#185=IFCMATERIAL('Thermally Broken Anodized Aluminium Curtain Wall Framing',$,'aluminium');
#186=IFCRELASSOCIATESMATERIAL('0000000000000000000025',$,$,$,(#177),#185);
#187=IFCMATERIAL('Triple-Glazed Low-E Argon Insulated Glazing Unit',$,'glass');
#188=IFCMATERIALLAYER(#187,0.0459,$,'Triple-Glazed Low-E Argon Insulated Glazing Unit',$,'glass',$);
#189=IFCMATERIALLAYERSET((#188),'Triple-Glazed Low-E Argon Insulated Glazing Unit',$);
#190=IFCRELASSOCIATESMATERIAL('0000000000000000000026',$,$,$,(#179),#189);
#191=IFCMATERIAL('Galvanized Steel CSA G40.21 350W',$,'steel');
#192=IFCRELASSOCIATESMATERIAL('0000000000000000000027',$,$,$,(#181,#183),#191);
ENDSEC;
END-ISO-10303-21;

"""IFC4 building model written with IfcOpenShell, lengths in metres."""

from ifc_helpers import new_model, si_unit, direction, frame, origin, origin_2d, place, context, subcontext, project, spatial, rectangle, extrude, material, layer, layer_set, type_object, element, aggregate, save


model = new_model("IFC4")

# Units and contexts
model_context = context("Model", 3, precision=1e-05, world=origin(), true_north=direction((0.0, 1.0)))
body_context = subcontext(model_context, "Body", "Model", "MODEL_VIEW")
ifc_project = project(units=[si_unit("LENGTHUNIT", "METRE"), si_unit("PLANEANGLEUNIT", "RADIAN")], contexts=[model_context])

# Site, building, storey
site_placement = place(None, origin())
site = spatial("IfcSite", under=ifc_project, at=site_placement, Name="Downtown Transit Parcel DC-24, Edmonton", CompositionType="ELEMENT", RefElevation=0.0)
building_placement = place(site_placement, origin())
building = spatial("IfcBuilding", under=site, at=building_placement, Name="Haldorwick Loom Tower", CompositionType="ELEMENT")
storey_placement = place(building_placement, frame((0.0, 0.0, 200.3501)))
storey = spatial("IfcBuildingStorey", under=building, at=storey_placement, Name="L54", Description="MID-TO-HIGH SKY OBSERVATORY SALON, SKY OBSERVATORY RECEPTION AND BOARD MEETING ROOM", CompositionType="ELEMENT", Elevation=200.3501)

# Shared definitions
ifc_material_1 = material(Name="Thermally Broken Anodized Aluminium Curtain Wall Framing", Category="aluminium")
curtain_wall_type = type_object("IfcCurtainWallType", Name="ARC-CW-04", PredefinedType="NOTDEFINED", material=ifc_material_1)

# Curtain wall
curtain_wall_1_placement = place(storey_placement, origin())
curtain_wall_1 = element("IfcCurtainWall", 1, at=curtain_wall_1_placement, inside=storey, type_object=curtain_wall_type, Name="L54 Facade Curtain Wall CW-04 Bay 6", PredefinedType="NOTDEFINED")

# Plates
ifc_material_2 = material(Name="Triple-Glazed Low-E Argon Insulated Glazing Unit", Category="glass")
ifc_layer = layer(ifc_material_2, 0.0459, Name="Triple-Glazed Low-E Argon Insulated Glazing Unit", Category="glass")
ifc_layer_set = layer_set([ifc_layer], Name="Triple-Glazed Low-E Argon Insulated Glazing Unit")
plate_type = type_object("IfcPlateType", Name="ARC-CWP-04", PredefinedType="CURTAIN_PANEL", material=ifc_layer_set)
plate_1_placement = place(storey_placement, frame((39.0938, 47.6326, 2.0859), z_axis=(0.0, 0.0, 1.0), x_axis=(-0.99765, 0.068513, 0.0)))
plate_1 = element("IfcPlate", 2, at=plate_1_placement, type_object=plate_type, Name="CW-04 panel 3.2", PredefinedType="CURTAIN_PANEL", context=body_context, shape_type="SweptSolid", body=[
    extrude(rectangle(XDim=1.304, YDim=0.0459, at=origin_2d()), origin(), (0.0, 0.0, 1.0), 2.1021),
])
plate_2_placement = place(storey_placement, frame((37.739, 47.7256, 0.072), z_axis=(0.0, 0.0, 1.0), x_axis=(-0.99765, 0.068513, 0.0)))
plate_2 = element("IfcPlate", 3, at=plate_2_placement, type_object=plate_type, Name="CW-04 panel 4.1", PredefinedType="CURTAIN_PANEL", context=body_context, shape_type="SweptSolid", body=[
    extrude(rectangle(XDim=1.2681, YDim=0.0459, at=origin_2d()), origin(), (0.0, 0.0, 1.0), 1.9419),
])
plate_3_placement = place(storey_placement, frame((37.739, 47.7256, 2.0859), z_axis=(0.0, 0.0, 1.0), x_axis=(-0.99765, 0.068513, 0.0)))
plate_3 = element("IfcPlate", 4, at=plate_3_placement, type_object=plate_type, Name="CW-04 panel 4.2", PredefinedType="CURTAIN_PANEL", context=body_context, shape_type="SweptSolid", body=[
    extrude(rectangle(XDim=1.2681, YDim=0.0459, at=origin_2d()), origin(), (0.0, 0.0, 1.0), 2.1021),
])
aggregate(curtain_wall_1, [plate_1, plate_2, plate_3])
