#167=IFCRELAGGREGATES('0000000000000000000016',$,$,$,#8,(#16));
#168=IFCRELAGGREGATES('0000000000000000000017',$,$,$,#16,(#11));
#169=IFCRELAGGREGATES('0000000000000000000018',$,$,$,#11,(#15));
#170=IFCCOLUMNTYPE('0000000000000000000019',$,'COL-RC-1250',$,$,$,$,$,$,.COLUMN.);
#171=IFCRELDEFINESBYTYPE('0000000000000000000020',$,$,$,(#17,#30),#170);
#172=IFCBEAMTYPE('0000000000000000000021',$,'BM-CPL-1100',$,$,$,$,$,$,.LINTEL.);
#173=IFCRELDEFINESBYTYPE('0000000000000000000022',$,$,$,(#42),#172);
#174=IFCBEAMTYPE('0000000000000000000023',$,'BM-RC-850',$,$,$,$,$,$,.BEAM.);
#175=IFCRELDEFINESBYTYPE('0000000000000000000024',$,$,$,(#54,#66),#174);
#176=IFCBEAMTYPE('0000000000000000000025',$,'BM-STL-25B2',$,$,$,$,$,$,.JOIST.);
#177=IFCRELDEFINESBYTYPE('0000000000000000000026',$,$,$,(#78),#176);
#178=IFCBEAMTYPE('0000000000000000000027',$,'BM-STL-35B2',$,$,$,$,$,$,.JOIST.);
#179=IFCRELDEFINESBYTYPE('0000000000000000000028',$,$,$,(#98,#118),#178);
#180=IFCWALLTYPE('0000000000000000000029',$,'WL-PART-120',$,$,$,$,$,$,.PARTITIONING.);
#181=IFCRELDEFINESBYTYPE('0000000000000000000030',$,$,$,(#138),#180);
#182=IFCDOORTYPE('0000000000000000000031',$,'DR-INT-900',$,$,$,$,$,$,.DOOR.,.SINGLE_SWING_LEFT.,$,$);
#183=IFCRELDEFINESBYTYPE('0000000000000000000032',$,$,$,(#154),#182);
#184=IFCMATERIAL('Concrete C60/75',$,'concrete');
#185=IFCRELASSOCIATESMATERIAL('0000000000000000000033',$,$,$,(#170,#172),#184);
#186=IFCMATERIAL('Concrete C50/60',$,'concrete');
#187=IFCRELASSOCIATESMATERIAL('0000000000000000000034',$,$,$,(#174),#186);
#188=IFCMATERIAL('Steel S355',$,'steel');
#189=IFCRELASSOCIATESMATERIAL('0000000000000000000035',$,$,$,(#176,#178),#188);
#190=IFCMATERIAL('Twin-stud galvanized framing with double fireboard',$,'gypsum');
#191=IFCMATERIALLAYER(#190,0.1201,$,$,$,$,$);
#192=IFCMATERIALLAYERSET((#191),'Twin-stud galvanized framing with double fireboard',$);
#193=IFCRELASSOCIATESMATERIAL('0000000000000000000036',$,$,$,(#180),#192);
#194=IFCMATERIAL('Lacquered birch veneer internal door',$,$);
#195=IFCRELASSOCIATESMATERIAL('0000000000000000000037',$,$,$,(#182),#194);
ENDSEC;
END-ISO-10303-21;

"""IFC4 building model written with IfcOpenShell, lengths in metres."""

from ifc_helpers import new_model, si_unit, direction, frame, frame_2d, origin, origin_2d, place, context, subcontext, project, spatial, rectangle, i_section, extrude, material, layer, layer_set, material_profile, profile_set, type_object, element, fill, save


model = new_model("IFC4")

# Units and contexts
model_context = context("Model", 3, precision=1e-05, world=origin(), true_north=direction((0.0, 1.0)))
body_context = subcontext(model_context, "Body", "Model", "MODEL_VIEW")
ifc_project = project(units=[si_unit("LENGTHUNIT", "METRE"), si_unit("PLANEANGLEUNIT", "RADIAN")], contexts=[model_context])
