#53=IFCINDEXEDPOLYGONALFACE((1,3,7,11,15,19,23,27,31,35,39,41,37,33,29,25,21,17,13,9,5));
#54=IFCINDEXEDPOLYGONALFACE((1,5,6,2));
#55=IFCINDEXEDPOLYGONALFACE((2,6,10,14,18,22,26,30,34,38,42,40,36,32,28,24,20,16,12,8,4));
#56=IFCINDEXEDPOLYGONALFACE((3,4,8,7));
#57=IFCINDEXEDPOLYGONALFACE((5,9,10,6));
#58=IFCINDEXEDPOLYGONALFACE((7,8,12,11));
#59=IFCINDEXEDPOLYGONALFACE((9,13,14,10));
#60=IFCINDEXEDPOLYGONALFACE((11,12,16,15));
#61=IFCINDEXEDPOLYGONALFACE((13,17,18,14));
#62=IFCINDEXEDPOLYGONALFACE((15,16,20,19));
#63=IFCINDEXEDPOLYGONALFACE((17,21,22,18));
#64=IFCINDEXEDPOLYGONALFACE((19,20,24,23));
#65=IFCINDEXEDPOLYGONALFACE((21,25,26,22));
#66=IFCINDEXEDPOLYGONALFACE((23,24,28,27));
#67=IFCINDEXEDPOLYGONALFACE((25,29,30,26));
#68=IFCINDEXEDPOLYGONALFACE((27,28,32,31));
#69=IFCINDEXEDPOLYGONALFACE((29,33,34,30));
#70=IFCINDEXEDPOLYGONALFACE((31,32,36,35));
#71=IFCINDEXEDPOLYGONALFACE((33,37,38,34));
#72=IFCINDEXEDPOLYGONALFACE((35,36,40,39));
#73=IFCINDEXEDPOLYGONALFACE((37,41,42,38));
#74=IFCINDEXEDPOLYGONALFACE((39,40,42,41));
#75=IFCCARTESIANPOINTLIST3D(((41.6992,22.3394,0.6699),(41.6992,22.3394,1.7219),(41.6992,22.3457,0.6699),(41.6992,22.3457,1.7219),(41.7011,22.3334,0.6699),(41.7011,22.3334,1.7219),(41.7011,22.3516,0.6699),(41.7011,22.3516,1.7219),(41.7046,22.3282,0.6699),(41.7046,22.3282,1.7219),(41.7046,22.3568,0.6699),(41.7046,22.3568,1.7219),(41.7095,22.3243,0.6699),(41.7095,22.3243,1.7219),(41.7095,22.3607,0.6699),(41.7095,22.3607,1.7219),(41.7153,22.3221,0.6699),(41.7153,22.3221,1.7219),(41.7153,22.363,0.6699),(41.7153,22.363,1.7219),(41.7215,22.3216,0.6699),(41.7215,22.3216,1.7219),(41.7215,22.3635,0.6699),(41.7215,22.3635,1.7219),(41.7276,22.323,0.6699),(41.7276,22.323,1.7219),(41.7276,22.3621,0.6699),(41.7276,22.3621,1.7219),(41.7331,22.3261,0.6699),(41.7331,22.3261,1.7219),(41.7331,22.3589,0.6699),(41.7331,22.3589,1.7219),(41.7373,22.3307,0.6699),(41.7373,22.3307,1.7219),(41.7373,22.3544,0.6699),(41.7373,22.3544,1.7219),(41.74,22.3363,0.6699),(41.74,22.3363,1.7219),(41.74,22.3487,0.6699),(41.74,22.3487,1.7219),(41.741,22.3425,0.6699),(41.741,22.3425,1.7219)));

+===+

# Aim of the task
Search the data for the string "YDim" and copy out every line where it is found.

# Exercise result
    extrude(rectangle(XDim=1.304, YDim=0.0459, at=origin_2d()), origin(), (0.0, 0.0, 1.0), 2.1021),
    extrude(rectangle(XDim=1.2681, YDim=0.0459, at=origin_2d()), origin(), (0.0, 0.0, 1.0), 1.9419),
    extrude(rectangle(XDim=1.2681, YDim=0.0459, at=origin_2d()), origin(), (0.0, 0.0, 1.0), 2.1021),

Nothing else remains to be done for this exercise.